*** Begin section ***
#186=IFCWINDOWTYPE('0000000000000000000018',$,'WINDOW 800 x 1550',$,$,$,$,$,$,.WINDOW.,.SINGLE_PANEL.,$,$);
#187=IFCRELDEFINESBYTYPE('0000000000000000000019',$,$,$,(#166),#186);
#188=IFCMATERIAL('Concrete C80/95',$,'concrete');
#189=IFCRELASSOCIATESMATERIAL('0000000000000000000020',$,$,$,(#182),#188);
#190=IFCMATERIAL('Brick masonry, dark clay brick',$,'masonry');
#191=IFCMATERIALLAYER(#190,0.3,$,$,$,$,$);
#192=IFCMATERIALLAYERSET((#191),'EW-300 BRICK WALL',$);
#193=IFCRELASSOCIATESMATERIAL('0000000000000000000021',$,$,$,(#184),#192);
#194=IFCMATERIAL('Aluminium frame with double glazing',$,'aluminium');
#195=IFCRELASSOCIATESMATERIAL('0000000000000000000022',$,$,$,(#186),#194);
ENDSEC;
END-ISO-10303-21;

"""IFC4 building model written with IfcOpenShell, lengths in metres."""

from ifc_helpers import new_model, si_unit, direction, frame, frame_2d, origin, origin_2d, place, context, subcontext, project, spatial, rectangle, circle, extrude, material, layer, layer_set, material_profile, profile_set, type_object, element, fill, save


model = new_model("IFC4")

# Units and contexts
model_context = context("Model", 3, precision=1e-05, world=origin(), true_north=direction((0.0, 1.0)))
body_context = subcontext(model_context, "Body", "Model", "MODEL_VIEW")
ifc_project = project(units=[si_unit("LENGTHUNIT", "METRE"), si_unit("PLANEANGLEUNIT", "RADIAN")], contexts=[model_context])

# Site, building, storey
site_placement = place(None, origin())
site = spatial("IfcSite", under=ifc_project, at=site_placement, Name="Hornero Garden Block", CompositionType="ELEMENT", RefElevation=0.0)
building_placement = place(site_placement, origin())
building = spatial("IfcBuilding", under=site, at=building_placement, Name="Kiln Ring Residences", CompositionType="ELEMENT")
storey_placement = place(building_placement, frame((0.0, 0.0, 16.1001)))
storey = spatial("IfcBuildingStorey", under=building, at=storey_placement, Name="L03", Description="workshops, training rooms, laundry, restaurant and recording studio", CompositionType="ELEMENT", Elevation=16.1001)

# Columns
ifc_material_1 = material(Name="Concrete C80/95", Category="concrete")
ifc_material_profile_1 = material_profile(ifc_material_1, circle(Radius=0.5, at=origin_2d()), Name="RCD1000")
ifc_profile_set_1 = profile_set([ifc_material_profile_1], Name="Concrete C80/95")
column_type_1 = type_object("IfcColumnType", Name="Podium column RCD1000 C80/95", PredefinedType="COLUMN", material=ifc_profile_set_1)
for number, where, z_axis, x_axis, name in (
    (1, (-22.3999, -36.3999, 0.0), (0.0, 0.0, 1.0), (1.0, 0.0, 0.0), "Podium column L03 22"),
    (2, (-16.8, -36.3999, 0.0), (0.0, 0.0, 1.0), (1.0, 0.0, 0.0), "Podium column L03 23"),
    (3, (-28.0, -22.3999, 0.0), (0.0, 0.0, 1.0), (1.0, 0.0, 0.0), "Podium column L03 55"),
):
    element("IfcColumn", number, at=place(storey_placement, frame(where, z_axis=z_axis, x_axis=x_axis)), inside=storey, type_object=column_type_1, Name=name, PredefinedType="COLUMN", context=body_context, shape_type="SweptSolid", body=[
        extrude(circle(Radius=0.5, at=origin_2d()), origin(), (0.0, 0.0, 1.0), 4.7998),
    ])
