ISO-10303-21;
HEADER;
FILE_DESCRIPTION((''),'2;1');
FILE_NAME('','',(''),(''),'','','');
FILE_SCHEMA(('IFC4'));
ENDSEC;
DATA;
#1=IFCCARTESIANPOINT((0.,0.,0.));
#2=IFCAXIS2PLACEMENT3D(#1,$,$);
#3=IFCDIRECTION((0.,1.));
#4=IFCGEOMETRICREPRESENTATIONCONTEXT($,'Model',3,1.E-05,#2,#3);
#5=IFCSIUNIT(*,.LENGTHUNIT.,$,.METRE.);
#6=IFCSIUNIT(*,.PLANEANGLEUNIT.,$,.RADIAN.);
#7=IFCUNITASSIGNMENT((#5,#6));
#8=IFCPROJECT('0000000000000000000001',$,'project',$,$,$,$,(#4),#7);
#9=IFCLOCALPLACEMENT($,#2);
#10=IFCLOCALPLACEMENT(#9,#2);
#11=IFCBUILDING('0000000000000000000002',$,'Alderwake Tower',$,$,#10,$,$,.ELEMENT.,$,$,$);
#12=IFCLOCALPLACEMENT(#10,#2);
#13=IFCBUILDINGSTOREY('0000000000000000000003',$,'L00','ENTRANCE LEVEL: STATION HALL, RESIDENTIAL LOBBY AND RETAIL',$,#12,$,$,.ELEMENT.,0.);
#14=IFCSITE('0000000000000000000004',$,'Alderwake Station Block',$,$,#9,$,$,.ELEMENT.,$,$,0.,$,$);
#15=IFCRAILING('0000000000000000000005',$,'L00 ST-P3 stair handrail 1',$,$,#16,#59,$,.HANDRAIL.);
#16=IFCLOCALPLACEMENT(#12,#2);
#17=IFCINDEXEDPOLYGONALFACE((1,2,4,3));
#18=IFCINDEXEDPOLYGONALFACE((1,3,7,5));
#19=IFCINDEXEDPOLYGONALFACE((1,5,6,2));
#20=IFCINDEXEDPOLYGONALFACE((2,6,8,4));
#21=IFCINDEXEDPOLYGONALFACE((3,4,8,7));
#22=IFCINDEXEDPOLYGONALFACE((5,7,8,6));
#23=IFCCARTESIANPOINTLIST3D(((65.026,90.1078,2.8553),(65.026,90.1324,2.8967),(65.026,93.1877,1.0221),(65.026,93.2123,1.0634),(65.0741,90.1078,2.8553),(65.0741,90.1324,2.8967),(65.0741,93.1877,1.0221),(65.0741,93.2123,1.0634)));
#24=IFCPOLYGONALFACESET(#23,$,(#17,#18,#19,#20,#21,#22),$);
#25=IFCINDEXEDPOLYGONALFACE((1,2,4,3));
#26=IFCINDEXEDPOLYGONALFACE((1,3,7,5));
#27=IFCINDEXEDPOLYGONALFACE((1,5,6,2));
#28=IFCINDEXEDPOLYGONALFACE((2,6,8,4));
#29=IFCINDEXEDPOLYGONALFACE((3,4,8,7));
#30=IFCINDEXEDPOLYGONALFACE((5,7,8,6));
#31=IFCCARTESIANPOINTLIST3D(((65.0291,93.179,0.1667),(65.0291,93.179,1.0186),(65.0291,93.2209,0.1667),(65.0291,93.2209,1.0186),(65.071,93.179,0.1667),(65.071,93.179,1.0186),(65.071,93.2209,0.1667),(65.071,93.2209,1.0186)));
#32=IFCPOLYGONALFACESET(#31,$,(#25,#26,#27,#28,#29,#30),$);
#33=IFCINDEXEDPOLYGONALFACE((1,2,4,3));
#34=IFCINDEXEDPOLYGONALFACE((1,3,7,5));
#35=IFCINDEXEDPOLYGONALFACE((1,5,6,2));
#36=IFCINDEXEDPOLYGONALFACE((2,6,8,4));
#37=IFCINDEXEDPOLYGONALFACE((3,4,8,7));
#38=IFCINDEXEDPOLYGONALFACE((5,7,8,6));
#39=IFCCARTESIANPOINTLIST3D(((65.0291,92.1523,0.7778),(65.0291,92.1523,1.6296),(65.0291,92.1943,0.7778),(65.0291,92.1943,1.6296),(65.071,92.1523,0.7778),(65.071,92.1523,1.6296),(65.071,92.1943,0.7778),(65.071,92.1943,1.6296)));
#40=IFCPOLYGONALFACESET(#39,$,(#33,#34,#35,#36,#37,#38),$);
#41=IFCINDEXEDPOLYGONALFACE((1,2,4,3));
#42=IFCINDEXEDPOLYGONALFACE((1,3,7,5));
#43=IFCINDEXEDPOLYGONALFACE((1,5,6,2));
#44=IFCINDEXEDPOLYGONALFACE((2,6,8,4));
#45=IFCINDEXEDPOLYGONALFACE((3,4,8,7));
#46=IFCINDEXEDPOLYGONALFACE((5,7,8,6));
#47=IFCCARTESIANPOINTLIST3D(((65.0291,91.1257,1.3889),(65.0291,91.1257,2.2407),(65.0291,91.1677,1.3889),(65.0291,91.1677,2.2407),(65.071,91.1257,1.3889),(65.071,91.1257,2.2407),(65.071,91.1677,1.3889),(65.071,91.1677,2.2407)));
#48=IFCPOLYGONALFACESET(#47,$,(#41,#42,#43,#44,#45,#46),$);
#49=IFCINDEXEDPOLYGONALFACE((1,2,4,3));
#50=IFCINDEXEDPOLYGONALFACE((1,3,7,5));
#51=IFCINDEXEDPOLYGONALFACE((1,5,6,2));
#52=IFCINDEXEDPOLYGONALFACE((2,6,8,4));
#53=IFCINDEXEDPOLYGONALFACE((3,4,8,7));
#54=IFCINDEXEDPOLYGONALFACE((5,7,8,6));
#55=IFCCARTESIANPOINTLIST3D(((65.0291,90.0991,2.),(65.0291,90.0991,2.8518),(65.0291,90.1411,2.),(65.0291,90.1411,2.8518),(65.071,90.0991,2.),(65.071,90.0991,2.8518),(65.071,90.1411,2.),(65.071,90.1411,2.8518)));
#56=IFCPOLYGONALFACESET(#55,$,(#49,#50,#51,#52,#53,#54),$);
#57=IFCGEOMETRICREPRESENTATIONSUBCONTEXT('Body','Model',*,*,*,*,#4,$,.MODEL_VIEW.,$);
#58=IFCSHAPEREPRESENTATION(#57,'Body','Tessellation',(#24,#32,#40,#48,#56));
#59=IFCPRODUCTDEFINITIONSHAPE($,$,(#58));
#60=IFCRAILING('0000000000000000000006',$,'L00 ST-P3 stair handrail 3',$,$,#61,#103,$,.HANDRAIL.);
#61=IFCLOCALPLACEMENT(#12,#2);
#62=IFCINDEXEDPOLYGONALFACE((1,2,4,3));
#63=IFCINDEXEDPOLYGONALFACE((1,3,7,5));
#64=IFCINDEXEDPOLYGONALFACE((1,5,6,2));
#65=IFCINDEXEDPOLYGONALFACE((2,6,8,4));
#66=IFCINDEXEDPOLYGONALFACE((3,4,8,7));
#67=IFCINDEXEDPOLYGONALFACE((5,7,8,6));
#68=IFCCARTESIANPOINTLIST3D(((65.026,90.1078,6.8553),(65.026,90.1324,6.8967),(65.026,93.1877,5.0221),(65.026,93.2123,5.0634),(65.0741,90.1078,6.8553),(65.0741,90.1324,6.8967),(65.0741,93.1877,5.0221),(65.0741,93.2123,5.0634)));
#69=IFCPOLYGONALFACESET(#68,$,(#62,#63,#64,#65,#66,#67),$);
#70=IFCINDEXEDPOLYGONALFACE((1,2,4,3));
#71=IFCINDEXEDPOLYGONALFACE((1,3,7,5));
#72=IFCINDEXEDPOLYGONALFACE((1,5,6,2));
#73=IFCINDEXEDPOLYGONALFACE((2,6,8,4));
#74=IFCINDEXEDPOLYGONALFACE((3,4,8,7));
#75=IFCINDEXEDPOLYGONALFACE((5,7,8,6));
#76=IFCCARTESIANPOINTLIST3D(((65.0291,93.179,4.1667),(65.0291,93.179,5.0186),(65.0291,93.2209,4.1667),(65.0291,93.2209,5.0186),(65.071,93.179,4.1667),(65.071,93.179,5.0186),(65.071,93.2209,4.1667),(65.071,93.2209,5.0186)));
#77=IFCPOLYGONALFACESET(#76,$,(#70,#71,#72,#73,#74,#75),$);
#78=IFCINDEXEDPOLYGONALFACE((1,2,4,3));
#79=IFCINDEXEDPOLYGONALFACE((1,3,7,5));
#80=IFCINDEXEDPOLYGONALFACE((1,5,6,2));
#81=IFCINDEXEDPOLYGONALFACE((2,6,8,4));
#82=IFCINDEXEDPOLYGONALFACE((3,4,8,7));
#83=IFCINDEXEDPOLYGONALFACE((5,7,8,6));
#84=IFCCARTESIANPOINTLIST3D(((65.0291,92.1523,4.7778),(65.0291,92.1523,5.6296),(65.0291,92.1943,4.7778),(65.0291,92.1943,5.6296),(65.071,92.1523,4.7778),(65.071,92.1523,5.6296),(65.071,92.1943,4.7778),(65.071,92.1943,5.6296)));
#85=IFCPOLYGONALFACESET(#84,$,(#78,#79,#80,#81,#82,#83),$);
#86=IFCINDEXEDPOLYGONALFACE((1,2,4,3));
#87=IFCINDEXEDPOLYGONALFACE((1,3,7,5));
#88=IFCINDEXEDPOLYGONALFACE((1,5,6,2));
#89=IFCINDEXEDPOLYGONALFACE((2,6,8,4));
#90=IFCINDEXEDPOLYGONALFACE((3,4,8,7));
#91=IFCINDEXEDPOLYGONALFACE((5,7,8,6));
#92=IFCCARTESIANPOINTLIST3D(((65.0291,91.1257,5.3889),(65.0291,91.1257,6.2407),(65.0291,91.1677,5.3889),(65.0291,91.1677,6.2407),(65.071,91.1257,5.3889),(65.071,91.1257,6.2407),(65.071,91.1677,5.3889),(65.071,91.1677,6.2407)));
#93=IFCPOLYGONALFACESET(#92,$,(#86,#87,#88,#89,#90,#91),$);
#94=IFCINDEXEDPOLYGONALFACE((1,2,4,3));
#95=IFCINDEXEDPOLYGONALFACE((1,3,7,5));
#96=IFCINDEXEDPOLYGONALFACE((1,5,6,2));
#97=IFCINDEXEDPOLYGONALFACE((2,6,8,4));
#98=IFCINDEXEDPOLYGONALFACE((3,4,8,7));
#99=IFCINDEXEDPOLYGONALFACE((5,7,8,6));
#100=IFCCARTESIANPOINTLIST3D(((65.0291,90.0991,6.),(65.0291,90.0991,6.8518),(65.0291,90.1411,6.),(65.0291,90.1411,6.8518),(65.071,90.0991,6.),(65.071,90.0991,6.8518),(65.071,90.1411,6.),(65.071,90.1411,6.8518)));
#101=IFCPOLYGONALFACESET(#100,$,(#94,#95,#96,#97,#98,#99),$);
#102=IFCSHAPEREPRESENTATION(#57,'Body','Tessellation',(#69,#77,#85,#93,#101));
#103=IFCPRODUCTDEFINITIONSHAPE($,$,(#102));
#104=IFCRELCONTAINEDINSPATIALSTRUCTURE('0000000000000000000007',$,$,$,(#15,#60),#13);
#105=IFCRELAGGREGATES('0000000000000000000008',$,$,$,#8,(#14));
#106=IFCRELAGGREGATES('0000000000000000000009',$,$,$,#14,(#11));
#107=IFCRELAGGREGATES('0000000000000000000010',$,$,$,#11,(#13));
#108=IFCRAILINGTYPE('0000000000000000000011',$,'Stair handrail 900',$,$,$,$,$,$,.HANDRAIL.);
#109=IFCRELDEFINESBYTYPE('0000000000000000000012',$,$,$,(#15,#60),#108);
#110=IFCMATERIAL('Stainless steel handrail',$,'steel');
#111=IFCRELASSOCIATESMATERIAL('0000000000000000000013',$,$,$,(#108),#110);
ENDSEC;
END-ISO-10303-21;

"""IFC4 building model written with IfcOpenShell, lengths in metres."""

from ifc_helpers import new_model, si_unit, direction, frame, origin, origin_2d, place, context, subcontext, project, spatial, rectangle, extrude, material, type_object, element, save


model = new_model("IFC4")

# Units and contexts
model_context = context("Model", 3, precision=1e-05, world=origin(), true_north=direction((0.0, 1.0)))
body_context = subcontext(model_context, "Body", "Model", "MODEL_VIEW")
ifc_project = project(units=[si_unit("LENGTHUNIT", "METRE"), si_unit("PLANEANGLEUNIT", "RADIAN")], contexts=[model_context])

# Site, building, storey
site_placement = place(None, origin())
site = spatial("IfcSite", under=ifc_project, at=site_placement, Name="Alderwake Station Block", CompositionType="ELEMENT", RefElevation=0.0)
building_placement = place(site_placement, origin())
building = spatial("IfcBuilding", under=site, at=building_placement, Name="Alderwake Tower", CompositionType="ELEMENT")
storey_placement = place(building_placement, origin())
storey = spatial("IfcBuildingStorey", under=building, at=storey_placement, Name="L00", Description="ENTRANCE LEVEL: STATION HALL, RESIDENTIAL LOBBY AND RETAIL", CompositionType="ELEMENT", Elevation=0.0)

# Railings
ifc_material_1 = material(Name="Stainless steel handrail", Category="steel")
railing_type_1 = type_object("IfcRailingType", Name="Stair handrail 900", PredefinedType="HANDRAIL", material=ifc_material_1)
for number, where, name in (
    (1, (65.05, 93.2, 0.1667), "L00 ST-P3 stair handrail 1"),
    (2, (65.05, 93.2, 4.1667), "L00 ST-P3 stair handrail 3"),
):
    element("IfcRailing", number, at=place(storey_placement, frame(where)), inside=storey, type_object=railing_type_1, Name=name, PredefinedType="HANDRAIL", context=body_context, shape_type="SweptSolid", body=[
        extrude(rectangle(XDim=0.0481, YDim=0.0481, at=origin_2d()), frame((0.0, 0.0, 0.876), z_axis=(0.0, -0.859291, 0.511487), x_axis=(1.0, 0.0, 0.0)), (0.0, 0.0, 1.0), 3.5842),
        extrude(rectangle(XDim=0.042, YDim=0.042, at=origin_2d()), frame((0.0, 0.0, 0.0), z_axis=(0.0, 0.0, 1.0), x_axis=(0.0, -1.0, 0.0)), (0.0, 0.0, 1.0), 0.8518),
        extrude(rectangle(XDim=0.042, YDim=0.042, at=origin_2d()), frame((0.0, -1.0266, 0.6111), z_axis=(0.0, 0.0, 1.0), x_axis=(0.0, -1.0, 0.0)), (0.0, 0.0, 1.0), 0.8518),
        extrude(rectangle(XDim=0.042, YDim=0.042, at=origin_2d()), frame((0.0, -2.0532, 1.2222), z_axis=(0.0, 0.0, 1.0), x_axis=(0.0, -1.0, 0.0)), (0.0, 0.0, 1.0), 0.8518),
        extrude(rectangle(XDim=0.042, YDim=0.042, at=origin_2d()), frame((0.0, -3.0798, 1.8333), z_axis=(0.0, 0.0, 1.0), x_axis=(0.0, -1.0, 0.0)), (0.0, 0.0, 1.0), 0.8518),
    ])

save(model, "model.ifc")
*** End section ***
TASK – Pick out every line above that contains the word "IFCLOCALPLACEMENT" and copy it.

SOLUTION FOR THIS TASK –
#9=IFCLOCALPLACEMENT($,#2);
#10=IFCLOCALPLACEMENT(#9,#2);
#12=IFCLOCALPLACEMENT(#10,#2);
#16=IFCLOCALPLACEMENT(#12,#2);
#61=IFCLOCALPLACEMENT(#12,#2);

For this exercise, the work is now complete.